------ DATA TO EXAMINE ------

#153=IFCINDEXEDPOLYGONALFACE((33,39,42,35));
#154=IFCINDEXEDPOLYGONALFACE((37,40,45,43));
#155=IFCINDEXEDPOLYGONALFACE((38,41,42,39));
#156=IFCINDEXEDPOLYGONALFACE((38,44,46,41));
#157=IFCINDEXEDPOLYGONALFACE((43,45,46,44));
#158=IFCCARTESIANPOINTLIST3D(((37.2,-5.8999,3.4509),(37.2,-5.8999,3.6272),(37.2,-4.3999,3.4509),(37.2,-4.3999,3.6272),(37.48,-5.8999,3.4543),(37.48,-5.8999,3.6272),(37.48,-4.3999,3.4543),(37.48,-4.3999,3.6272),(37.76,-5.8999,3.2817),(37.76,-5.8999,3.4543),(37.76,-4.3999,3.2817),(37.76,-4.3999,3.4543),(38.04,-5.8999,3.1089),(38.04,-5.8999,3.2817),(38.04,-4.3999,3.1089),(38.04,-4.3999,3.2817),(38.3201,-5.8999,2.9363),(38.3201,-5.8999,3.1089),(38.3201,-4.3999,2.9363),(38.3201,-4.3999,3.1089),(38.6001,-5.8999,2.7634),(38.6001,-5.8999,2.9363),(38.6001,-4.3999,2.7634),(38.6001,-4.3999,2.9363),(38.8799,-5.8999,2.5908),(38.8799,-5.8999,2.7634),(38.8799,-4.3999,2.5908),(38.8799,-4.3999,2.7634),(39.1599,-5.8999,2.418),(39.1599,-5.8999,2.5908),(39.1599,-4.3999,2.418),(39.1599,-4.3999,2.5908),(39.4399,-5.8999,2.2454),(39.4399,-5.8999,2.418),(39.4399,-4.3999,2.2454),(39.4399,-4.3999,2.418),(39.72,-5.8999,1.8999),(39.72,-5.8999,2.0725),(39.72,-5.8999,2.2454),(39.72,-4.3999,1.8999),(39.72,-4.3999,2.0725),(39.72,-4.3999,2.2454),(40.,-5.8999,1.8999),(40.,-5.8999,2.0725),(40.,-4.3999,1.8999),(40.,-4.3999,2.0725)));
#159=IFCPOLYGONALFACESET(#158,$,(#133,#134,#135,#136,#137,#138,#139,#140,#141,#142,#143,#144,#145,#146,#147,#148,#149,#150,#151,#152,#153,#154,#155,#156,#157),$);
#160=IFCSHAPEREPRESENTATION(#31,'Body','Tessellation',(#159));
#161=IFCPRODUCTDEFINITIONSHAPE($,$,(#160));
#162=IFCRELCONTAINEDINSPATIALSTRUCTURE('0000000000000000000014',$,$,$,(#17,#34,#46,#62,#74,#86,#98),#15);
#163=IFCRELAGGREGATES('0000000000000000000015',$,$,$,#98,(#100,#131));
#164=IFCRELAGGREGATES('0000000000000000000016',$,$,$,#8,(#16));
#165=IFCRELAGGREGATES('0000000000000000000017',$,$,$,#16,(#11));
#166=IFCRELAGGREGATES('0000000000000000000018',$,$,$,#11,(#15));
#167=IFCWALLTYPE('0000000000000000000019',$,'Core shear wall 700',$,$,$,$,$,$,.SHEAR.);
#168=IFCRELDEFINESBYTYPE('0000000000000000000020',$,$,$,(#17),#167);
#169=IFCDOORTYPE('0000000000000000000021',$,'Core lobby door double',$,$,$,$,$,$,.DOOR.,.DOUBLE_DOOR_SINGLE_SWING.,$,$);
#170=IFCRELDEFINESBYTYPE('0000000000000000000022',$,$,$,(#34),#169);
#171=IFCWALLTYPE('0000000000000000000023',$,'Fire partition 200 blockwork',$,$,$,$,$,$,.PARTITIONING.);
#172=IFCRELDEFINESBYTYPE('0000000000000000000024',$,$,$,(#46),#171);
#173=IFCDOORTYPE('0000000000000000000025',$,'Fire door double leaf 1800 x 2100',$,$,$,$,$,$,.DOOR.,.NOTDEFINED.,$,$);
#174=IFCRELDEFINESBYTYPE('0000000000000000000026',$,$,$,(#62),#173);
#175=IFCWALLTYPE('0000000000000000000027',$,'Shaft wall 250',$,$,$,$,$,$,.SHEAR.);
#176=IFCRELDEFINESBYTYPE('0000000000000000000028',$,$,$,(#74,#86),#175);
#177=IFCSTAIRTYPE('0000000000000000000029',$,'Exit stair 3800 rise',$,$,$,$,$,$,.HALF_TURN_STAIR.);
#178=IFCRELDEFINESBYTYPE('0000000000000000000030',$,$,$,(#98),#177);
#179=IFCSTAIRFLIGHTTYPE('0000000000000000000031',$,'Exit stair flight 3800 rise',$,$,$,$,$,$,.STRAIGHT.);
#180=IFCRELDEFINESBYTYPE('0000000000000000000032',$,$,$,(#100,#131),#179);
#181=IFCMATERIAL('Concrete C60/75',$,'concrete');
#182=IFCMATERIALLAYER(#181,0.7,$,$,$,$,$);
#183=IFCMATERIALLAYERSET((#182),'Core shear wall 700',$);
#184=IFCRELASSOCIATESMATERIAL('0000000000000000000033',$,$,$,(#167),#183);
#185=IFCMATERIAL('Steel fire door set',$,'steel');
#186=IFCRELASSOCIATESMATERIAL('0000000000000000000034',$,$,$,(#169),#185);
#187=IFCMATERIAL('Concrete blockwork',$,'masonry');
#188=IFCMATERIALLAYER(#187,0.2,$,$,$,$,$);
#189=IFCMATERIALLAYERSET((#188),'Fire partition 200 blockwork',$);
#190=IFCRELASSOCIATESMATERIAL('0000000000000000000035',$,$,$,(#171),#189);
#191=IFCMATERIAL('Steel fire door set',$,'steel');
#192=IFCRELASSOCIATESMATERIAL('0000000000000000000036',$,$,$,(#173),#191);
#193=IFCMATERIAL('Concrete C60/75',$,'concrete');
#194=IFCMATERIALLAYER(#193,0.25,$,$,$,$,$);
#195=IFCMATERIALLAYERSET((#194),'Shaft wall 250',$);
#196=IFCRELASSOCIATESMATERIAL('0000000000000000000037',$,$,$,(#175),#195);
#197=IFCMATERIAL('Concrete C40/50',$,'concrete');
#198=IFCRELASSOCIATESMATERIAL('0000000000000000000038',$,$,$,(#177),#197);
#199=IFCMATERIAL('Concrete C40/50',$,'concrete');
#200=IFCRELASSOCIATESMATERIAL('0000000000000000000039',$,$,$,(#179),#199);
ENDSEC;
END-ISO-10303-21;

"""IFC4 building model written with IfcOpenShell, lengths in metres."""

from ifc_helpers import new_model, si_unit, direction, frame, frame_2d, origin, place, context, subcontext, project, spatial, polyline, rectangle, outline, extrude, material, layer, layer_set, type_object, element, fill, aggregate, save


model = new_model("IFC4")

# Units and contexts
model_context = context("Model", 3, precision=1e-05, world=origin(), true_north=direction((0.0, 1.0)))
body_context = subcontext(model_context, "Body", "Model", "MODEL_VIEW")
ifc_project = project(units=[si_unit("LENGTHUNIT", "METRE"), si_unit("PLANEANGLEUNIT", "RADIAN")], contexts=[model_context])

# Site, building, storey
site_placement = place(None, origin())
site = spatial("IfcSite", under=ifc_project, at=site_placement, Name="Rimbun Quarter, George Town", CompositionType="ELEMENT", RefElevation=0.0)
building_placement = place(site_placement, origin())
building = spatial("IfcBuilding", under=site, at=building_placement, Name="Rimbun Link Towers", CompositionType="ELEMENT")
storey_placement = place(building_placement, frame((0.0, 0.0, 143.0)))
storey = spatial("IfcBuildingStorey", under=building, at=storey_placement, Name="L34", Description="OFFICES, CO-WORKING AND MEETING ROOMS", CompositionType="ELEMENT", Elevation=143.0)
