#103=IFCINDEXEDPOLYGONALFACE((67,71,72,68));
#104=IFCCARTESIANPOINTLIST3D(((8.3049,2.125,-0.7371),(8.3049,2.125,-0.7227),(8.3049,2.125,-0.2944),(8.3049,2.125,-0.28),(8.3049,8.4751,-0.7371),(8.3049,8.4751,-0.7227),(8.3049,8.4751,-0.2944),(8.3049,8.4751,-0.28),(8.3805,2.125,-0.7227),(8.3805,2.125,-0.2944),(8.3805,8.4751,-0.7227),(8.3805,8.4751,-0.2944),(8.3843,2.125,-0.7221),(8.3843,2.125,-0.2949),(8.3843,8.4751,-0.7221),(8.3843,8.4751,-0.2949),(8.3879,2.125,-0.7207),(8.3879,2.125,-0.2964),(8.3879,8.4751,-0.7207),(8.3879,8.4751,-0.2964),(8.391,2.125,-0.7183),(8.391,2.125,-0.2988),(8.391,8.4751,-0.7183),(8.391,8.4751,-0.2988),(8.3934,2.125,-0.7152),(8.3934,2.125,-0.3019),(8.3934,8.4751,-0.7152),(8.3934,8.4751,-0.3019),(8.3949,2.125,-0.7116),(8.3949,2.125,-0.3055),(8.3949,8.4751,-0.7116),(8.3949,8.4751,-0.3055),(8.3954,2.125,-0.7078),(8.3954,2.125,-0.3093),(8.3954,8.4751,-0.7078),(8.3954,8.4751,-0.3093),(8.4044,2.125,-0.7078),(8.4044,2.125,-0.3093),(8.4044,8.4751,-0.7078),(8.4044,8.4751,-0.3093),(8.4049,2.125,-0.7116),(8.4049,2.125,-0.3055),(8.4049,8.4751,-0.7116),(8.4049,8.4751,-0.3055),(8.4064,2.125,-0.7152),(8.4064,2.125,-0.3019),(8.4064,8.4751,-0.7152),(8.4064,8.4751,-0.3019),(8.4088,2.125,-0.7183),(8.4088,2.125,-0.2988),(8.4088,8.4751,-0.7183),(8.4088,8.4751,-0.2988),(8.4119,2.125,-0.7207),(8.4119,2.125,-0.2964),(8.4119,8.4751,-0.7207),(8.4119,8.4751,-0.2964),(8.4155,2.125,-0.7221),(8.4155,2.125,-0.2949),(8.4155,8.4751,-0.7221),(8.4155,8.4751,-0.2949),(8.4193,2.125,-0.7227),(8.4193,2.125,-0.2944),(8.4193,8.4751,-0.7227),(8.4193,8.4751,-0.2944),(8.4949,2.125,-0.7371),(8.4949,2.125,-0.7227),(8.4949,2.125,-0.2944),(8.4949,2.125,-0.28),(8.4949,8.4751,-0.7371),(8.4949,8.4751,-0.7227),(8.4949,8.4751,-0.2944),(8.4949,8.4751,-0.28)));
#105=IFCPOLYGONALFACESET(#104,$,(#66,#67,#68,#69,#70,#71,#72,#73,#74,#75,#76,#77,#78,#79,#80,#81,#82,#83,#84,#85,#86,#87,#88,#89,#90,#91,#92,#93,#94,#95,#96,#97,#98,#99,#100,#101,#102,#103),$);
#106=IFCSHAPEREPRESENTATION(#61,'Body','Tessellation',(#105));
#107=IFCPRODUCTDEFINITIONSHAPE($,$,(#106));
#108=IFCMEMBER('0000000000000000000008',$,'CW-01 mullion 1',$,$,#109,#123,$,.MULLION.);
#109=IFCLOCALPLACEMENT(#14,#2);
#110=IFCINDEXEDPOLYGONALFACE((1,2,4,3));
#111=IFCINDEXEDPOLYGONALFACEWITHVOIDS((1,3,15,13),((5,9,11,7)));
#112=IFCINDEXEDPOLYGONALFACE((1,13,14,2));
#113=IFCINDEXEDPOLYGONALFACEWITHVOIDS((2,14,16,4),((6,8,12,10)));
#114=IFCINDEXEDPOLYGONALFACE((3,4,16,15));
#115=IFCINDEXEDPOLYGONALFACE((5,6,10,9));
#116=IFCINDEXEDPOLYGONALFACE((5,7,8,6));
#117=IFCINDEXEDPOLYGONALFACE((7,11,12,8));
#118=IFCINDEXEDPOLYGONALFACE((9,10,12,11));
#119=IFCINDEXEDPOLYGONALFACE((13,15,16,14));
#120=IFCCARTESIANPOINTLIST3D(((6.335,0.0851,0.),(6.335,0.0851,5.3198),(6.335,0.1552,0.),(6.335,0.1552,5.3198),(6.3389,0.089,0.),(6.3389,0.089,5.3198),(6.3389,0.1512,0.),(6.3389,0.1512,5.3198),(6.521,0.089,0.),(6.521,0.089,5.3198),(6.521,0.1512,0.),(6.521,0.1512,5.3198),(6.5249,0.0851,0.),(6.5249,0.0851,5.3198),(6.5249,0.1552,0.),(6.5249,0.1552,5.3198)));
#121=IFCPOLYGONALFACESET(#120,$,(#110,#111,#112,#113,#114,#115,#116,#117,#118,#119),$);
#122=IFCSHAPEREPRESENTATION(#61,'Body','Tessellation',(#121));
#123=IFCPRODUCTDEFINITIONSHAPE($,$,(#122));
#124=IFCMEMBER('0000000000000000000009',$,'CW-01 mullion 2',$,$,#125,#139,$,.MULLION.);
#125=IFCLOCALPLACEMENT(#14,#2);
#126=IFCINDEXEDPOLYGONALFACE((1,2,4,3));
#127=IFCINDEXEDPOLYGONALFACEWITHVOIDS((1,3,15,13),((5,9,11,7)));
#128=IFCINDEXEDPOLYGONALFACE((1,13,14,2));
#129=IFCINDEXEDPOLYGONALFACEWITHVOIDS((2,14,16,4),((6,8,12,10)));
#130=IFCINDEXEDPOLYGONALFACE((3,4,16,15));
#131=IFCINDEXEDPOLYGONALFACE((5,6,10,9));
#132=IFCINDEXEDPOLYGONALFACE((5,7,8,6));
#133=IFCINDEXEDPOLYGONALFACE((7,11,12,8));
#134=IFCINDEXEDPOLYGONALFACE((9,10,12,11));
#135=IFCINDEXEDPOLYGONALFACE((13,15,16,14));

------

Could you restate word for word the lines above from the one containing "#111=IFCINDEXEDPOLYGONALFACEWITHVOIDS((1,3,15,13),((5,9,11,7)));" through the one containing "#119=IFCINDEXEDPOLYGONALFACE((13,15,16,14));", both included, and nothing else?

RESPONSE BOX —
#111=IFCINDEXEDPOLYGONALFACEWITHVOIDS((1,3,15,13),((5,9,11,7)));
#112=IFCINDEXEDPOLYGONALFACE((1,13,14,2));
#113=IFCINDEXEDPOLYGONALFACEWITHVOIDS((2,14,16,4),((6,8,12,10)));
#114=IFCINDEXEDPOLYGONALFACE((3,4,16,15));
#115=IFCINDEXEDPOLYGONALFACE((5,6,10,9));
#116=IFCINDEXEDPOLYGONALFACE((5,7,8,6));
#117=IFCINDEXEDPOLYGONALFACE((7,11,12,8));
#118=IFCINDEXEDPOLYGONALFACE((9,10,12,11));
#119=IFCINDEXEDPOLYGONALFACE((13,15,16,14));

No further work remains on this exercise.